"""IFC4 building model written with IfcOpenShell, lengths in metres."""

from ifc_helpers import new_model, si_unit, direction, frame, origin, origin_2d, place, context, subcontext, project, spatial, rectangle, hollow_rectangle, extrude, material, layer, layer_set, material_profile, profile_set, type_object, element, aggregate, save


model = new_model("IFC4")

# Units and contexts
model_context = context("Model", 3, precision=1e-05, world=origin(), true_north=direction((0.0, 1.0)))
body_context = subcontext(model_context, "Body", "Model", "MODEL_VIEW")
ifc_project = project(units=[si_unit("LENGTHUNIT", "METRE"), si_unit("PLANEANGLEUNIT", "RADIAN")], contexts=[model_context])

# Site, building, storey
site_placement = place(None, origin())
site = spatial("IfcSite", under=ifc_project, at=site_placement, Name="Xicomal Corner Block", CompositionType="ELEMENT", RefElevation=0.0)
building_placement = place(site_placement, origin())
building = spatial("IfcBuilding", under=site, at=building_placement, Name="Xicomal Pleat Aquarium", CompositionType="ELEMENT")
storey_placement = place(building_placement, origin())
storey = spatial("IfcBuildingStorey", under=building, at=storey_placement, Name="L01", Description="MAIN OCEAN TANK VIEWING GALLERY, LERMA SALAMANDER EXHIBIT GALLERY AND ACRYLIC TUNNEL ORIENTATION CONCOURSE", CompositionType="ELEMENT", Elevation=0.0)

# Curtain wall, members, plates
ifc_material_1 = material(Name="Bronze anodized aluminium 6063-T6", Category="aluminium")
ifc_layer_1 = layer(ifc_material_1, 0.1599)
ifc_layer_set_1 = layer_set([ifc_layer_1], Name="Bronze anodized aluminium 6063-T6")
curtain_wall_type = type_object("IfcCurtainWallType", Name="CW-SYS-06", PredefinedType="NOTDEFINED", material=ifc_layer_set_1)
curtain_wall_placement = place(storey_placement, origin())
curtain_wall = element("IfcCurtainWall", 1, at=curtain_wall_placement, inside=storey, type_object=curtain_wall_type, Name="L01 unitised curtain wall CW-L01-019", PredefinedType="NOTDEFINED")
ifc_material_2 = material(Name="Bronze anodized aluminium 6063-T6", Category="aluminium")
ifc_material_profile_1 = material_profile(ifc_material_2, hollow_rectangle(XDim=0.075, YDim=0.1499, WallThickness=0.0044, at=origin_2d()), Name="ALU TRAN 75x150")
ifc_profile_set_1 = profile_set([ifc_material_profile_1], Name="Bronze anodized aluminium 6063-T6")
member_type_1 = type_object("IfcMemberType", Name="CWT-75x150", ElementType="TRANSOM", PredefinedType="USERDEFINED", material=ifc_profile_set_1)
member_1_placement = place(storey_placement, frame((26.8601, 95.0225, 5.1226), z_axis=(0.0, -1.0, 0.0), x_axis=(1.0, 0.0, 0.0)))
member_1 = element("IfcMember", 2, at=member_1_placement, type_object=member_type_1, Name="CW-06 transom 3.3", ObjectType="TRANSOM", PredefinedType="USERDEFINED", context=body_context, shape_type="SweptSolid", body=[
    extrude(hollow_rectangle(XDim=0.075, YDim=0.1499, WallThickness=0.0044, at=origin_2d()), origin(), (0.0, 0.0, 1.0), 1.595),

◇ ◇ ◇ ◇ ◇ ◇ ◇

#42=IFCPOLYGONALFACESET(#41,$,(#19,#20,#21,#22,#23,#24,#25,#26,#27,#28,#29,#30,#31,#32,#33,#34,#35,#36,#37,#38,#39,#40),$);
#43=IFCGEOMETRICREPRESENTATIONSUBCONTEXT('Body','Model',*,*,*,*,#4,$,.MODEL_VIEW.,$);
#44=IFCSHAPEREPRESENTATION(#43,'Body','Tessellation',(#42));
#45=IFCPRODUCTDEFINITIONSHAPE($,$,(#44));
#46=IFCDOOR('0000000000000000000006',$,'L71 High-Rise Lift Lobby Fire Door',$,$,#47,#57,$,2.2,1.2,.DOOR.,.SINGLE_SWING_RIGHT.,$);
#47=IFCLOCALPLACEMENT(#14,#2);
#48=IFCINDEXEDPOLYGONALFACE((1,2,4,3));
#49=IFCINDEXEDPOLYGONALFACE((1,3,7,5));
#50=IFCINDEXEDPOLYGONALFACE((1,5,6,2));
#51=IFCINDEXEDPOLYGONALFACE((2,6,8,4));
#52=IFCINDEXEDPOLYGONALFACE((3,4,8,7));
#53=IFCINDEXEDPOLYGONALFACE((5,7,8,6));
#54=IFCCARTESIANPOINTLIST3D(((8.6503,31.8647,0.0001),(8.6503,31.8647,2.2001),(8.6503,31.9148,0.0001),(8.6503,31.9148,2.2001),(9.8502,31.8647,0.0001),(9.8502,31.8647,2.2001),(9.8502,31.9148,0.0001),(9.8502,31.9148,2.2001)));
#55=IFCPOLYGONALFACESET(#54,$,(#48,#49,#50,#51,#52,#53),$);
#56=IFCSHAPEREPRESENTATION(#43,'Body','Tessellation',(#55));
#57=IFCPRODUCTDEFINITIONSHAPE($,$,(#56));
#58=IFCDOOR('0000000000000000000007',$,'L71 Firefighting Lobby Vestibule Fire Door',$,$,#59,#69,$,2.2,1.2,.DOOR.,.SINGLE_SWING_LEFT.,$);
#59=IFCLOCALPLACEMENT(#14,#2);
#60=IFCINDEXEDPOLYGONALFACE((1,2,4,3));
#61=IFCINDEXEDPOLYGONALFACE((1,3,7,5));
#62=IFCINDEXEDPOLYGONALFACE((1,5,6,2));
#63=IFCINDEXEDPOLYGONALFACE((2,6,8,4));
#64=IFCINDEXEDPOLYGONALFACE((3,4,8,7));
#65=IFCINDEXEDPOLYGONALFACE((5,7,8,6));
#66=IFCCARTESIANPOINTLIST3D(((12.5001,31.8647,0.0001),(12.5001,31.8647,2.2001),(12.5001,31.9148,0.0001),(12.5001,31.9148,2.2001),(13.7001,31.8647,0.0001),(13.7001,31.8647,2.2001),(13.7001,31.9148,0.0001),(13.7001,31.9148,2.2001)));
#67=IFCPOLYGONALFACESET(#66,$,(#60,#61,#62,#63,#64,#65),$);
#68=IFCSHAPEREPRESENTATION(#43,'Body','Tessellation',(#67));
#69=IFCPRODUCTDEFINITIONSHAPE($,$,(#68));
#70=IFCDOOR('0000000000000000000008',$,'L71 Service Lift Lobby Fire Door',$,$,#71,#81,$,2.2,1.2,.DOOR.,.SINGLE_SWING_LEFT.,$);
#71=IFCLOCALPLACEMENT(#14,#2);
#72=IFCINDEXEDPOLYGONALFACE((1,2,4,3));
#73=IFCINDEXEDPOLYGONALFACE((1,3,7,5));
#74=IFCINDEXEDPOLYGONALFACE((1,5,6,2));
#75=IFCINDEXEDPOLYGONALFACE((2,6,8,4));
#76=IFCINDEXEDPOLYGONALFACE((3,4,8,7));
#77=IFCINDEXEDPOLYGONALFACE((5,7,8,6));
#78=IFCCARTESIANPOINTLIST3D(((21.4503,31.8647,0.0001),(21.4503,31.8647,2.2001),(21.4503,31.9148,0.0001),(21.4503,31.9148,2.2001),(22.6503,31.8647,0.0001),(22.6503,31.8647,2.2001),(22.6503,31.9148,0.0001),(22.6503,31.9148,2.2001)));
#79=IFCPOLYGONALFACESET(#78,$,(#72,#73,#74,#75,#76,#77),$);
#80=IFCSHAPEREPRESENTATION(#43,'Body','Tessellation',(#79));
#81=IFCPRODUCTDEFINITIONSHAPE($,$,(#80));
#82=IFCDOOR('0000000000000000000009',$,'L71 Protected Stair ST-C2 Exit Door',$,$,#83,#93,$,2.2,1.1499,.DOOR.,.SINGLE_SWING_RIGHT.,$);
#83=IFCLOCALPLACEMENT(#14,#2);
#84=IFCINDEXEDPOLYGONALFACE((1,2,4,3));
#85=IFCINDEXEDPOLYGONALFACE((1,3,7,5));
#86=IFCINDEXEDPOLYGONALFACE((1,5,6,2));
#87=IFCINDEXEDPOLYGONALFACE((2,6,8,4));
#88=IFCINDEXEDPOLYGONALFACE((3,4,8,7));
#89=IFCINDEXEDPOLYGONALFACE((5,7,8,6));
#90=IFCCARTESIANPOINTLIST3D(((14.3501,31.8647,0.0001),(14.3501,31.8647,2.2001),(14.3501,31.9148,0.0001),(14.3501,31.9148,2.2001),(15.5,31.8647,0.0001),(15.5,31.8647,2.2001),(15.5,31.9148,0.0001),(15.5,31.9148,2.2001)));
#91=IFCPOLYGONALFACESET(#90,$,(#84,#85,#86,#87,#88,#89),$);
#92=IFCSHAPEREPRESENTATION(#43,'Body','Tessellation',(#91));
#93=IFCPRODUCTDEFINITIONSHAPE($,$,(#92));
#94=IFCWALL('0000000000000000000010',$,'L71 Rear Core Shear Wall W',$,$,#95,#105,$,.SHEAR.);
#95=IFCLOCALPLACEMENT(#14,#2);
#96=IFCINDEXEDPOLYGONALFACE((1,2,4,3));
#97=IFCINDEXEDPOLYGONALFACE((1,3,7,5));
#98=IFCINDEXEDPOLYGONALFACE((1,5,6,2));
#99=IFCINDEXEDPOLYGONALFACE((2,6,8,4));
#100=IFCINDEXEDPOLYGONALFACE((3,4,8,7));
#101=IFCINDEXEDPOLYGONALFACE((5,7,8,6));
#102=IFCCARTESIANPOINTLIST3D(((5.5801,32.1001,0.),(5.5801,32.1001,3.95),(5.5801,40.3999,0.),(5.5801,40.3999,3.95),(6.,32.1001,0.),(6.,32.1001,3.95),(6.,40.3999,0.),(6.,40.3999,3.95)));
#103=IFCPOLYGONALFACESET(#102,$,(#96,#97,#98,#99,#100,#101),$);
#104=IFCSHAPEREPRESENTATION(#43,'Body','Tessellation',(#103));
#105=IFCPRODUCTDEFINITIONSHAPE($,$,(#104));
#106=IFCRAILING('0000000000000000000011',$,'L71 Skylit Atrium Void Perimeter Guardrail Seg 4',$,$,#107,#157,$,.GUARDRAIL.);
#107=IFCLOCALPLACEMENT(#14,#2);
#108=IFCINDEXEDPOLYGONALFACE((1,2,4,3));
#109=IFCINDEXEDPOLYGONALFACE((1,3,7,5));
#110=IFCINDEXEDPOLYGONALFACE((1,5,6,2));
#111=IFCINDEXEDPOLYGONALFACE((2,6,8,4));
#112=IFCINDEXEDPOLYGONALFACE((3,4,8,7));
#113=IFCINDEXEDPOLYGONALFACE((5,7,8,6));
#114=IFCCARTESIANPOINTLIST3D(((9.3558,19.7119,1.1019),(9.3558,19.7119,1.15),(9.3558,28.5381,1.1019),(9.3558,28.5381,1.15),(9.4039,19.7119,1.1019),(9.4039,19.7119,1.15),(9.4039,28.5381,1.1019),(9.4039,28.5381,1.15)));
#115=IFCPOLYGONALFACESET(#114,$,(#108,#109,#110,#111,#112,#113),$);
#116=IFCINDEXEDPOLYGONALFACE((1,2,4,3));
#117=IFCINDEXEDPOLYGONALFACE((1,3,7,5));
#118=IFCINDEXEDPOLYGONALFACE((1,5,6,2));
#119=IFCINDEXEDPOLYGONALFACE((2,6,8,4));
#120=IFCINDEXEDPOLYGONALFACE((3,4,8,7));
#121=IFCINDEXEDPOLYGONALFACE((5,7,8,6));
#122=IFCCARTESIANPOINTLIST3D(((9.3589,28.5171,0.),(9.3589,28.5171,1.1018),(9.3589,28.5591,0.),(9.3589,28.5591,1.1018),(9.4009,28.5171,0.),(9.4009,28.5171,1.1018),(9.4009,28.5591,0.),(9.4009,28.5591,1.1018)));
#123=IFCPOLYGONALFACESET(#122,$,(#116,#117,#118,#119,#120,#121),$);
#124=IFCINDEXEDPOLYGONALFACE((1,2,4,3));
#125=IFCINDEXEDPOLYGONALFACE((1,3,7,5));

◇ ◇ ◇ ◇ ◇ ◇ ◇

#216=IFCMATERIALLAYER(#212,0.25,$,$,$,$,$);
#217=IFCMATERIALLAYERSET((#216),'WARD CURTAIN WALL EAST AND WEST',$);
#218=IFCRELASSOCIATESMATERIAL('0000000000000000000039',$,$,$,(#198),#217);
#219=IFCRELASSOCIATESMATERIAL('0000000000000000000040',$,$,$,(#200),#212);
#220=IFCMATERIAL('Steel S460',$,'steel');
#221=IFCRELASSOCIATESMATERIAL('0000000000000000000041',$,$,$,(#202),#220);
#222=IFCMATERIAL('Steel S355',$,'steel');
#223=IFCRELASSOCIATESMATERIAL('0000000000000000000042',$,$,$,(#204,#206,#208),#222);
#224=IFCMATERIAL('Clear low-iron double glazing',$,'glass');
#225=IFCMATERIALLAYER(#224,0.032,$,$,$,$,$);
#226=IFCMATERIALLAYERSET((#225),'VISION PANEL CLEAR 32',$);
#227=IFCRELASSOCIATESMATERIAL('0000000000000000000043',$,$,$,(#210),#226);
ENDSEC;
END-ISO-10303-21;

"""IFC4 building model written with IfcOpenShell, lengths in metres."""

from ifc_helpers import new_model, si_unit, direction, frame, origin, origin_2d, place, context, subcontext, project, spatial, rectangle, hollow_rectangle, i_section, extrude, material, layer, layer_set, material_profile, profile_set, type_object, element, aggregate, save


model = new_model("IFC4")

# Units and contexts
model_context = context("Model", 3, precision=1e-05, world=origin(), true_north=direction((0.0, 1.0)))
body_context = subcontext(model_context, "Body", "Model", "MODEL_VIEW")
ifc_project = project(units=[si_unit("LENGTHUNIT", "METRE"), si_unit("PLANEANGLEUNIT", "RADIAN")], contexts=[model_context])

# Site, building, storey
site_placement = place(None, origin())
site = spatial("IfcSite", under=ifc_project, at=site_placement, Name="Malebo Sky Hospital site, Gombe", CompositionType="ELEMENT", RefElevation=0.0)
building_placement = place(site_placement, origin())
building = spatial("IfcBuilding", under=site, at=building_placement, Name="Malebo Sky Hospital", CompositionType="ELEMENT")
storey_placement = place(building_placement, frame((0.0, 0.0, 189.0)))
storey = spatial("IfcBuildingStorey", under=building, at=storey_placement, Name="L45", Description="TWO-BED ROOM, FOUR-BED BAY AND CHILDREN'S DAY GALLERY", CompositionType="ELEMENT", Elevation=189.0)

◇ ◇ ◇ ◇ ◇ ◇ ◇

What to produce - Scan the listing above, and wherever a line holds the word "CompositionType", copy it.

Completed task -
site = spatial("IfcSite", under=ifc_project, at=site_placement, Name="Xicomal Corner Block", CompositionType="ELEMENT", RefElevation=0.0)
building = spatial("IfcBuilding", under=site, at=building_placement, Name="Xicomal Pleat Aquarium", CompositionType="ELEMENT")
storey = spatial("IfcBuildingStorey", under=building, at=storey_placement, Name="L01", Description="MAIN OCEAN TANK VIEWING GALLERY, LERMA SALAMANDER EXHIBIT GALLERY AND ACRYLIC TUNNEL ORIENTATION CONCOURSE", CompositionType="ELEMENT", Elevation=0.0)
site = spatial("IfcSite", under=ifc_project, at=site_placement, Name="Malebo Sky Hospital site, Gombe", CompositionType="ELEMENT", RefElevation=0.0)
building = spatial("IfcBuilding", under=site, at=building_placement, Name="Malebo Sky Hospital", CompositionType="ELEMENT")
storey = spatial("IfcBuildingStorey", under=building, at=storey_placement, Name="L45", Description="TWO-BED ROOM, FOUR-BED BAY AND CHILDREN'S DAY GALLERY", CompositionType="ELEMENT", Elevation=189.0)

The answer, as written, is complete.